--- START ---
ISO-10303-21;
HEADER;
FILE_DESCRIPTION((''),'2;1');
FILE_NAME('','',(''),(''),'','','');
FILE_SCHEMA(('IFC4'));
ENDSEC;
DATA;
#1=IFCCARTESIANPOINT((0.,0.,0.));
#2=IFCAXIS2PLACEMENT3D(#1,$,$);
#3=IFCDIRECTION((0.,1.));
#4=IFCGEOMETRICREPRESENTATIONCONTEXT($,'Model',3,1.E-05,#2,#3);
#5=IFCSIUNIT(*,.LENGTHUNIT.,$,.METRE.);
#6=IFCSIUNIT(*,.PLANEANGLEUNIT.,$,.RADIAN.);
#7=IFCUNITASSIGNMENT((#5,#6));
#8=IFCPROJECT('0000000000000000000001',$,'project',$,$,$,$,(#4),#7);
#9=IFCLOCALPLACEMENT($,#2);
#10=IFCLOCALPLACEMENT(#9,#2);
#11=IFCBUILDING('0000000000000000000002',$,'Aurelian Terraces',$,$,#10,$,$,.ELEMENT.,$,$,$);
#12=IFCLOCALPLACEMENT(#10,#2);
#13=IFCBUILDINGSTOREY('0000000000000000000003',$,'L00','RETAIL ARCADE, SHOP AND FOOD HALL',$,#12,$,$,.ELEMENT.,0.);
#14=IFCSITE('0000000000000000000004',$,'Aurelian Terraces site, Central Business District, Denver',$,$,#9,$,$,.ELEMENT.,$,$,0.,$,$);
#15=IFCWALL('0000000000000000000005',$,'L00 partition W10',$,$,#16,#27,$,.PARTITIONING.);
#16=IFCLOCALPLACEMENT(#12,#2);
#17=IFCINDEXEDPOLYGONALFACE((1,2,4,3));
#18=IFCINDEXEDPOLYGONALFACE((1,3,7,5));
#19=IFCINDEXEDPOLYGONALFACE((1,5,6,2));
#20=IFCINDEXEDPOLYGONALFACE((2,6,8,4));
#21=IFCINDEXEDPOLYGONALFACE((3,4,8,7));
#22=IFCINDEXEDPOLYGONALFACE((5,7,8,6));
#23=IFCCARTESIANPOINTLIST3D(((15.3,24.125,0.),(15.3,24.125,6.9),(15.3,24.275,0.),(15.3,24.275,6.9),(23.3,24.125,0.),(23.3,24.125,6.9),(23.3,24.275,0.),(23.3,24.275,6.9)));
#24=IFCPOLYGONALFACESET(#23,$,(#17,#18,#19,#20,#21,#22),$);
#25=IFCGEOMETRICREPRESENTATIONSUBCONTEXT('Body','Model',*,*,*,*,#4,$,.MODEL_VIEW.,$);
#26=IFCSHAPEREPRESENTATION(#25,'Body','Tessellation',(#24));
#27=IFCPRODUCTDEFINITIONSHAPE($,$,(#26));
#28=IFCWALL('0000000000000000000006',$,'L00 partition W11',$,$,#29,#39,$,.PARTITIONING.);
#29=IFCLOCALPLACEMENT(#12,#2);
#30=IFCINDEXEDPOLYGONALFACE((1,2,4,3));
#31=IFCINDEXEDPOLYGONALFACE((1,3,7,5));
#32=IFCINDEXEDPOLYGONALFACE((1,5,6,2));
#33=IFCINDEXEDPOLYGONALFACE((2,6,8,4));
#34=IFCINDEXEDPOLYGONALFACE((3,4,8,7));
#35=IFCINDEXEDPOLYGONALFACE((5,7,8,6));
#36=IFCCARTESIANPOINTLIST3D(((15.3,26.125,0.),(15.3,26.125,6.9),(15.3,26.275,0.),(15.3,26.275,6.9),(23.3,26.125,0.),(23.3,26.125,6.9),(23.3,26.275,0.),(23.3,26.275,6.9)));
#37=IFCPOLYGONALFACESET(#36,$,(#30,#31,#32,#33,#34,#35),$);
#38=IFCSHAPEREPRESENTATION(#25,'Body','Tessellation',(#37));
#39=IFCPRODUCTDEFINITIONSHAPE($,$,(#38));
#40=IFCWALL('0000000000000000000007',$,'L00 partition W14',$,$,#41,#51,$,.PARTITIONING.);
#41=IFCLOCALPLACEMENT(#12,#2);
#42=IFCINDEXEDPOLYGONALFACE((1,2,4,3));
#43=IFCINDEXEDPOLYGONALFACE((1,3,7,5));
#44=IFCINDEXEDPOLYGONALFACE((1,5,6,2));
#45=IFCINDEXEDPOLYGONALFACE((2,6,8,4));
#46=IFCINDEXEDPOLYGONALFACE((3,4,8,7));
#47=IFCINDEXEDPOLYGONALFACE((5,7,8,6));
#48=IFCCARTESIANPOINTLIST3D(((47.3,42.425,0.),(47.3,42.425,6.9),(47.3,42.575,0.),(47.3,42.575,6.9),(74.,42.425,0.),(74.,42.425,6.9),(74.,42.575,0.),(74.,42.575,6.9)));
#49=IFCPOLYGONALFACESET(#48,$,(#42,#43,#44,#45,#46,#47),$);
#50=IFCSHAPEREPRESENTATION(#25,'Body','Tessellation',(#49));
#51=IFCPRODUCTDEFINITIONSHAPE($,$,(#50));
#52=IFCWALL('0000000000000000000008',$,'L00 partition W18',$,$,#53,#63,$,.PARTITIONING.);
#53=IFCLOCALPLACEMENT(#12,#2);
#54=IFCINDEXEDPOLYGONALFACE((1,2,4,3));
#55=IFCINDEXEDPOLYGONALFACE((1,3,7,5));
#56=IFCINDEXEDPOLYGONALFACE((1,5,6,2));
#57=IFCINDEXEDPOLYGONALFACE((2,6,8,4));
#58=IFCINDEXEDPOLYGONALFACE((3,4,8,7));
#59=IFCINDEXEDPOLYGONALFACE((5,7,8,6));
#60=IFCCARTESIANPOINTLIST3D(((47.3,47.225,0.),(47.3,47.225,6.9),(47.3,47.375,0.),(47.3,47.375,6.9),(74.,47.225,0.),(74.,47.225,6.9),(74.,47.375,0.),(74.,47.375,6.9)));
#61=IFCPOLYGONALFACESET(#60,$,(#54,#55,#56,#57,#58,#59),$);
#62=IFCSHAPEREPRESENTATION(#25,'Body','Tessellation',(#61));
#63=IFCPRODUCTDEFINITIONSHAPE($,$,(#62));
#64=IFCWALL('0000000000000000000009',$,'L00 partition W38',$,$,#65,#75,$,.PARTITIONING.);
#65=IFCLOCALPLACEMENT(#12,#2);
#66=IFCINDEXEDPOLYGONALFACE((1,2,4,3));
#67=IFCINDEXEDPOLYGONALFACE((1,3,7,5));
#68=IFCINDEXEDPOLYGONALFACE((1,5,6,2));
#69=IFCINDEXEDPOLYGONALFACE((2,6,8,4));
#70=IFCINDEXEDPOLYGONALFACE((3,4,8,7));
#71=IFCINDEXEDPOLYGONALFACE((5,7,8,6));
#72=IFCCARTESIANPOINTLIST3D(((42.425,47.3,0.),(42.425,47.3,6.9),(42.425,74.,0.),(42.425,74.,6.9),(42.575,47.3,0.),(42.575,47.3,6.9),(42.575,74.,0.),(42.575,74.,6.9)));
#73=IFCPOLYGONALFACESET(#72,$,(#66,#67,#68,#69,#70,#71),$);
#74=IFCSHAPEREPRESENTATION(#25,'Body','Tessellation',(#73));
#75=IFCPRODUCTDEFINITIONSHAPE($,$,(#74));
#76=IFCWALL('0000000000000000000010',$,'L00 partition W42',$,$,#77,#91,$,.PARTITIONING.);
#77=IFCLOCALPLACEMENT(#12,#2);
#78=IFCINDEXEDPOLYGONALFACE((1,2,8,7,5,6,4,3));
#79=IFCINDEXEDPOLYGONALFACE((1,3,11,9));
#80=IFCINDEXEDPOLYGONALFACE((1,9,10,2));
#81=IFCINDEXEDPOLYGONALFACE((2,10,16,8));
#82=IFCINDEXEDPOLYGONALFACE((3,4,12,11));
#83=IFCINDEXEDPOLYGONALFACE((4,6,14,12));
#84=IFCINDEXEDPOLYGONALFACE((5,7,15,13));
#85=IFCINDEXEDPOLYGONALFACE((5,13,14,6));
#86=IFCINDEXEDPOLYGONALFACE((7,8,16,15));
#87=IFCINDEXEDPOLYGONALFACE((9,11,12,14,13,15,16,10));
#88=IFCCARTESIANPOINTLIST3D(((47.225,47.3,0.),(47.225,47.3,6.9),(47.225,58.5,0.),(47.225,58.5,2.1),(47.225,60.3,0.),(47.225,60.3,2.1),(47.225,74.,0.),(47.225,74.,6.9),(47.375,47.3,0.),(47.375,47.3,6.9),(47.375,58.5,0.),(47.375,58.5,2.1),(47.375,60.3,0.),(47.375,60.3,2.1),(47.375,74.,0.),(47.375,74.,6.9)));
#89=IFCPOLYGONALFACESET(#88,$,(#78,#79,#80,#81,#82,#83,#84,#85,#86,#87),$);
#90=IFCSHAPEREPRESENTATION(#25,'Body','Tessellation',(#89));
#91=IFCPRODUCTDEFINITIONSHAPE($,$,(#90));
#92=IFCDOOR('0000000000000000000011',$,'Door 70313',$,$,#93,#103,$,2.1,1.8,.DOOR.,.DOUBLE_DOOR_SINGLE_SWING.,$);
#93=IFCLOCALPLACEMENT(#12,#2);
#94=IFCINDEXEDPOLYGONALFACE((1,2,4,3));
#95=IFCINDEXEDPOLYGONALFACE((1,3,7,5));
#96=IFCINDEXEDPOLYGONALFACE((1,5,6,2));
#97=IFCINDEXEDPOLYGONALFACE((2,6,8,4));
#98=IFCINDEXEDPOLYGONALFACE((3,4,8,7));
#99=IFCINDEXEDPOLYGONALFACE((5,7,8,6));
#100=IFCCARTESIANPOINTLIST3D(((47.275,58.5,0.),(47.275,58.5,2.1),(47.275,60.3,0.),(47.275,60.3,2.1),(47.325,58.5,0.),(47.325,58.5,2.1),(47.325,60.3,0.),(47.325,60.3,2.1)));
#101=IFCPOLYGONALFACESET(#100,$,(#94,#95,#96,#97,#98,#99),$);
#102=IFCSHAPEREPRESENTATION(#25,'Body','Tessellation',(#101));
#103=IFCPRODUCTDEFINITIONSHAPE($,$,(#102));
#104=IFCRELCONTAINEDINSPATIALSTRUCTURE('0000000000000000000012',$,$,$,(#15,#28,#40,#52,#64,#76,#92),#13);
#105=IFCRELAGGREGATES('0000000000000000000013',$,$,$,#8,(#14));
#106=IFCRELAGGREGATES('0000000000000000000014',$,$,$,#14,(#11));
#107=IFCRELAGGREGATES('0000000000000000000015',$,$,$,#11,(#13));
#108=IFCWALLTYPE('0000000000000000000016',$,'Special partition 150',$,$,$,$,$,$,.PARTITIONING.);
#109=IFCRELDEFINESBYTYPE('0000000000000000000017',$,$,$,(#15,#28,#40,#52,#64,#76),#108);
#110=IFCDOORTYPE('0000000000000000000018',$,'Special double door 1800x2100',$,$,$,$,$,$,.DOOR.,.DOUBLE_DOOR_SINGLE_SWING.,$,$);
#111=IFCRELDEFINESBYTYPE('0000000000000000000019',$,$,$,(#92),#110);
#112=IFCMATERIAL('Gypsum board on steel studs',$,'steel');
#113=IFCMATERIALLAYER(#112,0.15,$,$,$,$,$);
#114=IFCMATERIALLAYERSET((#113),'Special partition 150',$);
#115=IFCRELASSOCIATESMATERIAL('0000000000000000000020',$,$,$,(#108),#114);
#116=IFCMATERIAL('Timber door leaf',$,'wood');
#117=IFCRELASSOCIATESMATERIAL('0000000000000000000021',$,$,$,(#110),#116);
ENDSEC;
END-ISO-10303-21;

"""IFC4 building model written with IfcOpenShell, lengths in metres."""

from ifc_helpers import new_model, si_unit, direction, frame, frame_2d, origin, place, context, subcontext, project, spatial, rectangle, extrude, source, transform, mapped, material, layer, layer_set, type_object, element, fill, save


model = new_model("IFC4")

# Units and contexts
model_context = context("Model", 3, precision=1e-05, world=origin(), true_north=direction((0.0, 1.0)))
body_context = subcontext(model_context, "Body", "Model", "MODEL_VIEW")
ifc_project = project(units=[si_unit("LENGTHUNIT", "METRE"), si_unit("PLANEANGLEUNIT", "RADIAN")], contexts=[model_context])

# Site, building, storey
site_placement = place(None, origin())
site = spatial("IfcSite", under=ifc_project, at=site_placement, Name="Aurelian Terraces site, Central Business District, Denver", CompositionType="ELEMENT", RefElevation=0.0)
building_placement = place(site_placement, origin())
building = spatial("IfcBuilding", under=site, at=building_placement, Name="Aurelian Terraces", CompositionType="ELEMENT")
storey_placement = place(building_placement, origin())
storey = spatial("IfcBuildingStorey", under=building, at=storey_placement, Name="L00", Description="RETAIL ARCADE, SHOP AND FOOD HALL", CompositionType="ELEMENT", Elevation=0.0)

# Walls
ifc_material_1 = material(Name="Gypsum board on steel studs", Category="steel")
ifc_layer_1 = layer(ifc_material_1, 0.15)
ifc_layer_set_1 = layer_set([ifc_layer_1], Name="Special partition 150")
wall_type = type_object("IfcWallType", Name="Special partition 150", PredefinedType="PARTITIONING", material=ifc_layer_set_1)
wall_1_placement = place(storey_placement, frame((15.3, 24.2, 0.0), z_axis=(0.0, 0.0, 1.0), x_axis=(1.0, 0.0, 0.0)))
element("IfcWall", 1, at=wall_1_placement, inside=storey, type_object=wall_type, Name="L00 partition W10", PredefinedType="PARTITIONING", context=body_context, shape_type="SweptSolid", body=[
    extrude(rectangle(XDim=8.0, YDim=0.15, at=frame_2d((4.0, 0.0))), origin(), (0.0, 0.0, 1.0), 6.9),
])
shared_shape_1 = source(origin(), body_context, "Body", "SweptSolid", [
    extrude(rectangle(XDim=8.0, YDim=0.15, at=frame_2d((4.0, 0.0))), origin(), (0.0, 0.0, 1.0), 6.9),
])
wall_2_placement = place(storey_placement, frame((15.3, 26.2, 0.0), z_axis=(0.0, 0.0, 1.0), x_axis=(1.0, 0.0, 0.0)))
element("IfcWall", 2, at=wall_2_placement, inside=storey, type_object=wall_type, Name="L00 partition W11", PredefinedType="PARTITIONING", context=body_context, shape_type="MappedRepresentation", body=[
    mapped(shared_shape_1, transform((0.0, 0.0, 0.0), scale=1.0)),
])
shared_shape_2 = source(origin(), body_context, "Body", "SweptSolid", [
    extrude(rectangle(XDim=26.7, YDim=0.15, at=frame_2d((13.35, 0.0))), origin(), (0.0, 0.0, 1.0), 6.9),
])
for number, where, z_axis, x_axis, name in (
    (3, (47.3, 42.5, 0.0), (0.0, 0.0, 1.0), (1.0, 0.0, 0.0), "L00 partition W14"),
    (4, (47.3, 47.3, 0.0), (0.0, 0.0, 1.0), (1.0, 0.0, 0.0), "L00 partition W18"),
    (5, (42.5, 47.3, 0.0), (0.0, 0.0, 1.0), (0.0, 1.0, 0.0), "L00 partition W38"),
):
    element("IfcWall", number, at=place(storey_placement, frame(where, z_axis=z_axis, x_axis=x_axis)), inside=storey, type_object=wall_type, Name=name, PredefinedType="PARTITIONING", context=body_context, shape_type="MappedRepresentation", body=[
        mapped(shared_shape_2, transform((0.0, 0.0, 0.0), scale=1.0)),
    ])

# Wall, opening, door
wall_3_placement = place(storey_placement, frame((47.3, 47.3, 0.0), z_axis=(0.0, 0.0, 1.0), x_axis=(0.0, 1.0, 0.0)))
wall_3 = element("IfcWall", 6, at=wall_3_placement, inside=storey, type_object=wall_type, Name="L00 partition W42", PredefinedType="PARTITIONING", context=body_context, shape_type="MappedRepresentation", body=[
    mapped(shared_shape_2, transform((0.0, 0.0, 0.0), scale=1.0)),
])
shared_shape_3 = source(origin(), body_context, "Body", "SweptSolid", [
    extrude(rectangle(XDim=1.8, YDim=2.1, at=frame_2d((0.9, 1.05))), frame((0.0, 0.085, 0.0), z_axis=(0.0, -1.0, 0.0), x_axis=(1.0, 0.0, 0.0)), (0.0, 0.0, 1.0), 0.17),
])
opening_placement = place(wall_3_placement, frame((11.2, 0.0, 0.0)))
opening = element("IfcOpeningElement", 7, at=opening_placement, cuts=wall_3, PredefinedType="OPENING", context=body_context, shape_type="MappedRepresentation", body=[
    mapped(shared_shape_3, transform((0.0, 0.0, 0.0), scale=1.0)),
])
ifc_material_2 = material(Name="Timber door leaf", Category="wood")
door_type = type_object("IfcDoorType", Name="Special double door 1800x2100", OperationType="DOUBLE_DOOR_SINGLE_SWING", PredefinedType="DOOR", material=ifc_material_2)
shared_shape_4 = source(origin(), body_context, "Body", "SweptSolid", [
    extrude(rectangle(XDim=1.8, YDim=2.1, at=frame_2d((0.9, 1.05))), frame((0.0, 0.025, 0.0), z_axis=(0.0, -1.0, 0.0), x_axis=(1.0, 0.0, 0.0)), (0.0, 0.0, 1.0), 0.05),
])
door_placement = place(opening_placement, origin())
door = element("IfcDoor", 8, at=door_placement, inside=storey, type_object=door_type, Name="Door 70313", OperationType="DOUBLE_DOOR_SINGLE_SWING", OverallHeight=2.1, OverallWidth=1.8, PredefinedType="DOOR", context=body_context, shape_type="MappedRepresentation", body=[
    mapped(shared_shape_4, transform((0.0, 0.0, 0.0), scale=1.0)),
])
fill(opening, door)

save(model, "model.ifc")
--- END ---
--- START ---
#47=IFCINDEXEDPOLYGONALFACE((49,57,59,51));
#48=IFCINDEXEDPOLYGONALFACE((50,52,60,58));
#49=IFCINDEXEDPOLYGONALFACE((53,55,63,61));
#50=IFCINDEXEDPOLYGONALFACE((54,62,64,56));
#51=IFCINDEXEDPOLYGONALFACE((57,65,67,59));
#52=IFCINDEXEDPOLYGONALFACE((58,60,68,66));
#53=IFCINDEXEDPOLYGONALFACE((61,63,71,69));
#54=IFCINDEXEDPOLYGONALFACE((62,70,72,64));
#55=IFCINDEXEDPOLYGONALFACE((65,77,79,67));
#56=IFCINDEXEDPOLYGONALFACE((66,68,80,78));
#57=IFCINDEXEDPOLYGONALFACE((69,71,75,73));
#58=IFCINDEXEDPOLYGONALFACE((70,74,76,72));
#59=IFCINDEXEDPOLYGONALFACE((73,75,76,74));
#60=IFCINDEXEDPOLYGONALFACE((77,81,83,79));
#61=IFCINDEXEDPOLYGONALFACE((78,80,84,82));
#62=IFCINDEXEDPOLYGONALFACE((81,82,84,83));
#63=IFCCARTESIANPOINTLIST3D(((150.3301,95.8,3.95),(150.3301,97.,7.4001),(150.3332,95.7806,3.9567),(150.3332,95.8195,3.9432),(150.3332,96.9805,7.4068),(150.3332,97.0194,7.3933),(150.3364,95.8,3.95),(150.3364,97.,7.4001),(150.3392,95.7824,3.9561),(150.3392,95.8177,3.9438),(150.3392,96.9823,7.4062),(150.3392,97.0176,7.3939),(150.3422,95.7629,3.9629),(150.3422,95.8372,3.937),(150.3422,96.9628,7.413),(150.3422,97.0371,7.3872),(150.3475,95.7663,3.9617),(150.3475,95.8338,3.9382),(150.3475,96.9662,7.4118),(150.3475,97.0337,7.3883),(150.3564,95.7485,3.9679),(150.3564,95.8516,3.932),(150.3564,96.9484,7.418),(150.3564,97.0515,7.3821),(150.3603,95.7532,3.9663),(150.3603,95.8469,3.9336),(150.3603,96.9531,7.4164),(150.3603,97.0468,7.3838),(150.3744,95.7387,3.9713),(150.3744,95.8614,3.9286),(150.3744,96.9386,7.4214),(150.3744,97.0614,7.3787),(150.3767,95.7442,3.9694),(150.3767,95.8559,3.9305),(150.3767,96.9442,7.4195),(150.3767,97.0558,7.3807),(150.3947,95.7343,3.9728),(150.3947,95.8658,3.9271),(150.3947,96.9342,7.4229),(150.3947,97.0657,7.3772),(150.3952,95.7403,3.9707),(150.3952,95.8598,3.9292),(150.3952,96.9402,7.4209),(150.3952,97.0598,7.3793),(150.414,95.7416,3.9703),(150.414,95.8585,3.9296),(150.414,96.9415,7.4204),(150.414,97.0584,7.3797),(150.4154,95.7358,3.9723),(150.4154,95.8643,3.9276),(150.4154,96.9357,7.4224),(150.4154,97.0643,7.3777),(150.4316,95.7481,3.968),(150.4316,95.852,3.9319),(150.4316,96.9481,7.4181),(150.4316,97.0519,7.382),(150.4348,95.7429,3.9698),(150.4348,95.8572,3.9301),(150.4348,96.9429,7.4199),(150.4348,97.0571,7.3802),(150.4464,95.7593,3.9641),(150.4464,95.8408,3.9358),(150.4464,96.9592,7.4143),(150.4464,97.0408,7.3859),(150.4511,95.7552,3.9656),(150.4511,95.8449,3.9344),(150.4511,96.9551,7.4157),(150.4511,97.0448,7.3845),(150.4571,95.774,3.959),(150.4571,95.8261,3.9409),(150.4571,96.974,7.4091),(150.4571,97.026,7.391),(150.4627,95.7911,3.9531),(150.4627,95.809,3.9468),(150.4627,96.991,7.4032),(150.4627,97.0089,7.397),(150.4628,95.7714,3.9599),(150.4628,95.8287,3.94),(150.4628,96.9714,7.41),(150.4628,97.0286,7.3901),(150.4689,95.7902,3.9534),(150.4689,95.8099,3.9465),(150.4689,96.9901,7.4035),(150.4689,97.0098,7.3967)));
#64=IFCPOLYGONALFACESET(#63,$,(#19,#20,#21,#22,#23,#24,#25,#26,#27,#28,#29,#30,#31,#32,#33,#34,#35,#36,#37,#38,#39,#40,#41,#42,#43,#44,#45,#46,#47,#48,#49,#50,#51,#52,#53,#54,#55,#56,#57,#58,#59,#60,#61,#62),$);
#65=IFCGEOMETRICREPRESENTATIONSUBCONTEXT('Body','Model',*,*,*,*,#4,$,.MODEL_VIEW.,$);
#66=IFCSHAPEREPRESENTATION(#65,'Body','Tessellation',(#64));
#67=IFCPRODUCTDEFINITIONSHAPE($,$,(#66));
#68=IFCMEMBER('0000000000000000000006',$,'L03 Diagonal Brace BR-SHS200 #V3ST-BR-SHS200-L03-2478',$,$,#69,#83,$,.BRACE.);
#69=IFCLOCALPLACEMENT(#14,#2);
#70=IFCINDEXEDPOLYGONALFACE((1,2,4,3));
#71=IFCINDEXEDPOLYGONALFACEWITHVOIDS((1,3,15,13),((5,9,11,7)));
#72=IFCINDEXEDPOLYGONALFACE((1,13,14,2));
--- END ---
## AIM OF THE EXERCISE
The answer must consist of every line from the entries that holds the string "IFCRELAGGREGATES".

## RESPONSE TO THIS EXERCISE
#105=IFCRELAGGREGATES('0000000000000000000013',$,$,$,#8,(#14));
#106=IFCRELAGGREGATES('0000000000000000000014',$,$,$,#14,(#11));
#107=IFCRELAGGREGATES('0000000000000000000015',$,$,$,#11,(#13));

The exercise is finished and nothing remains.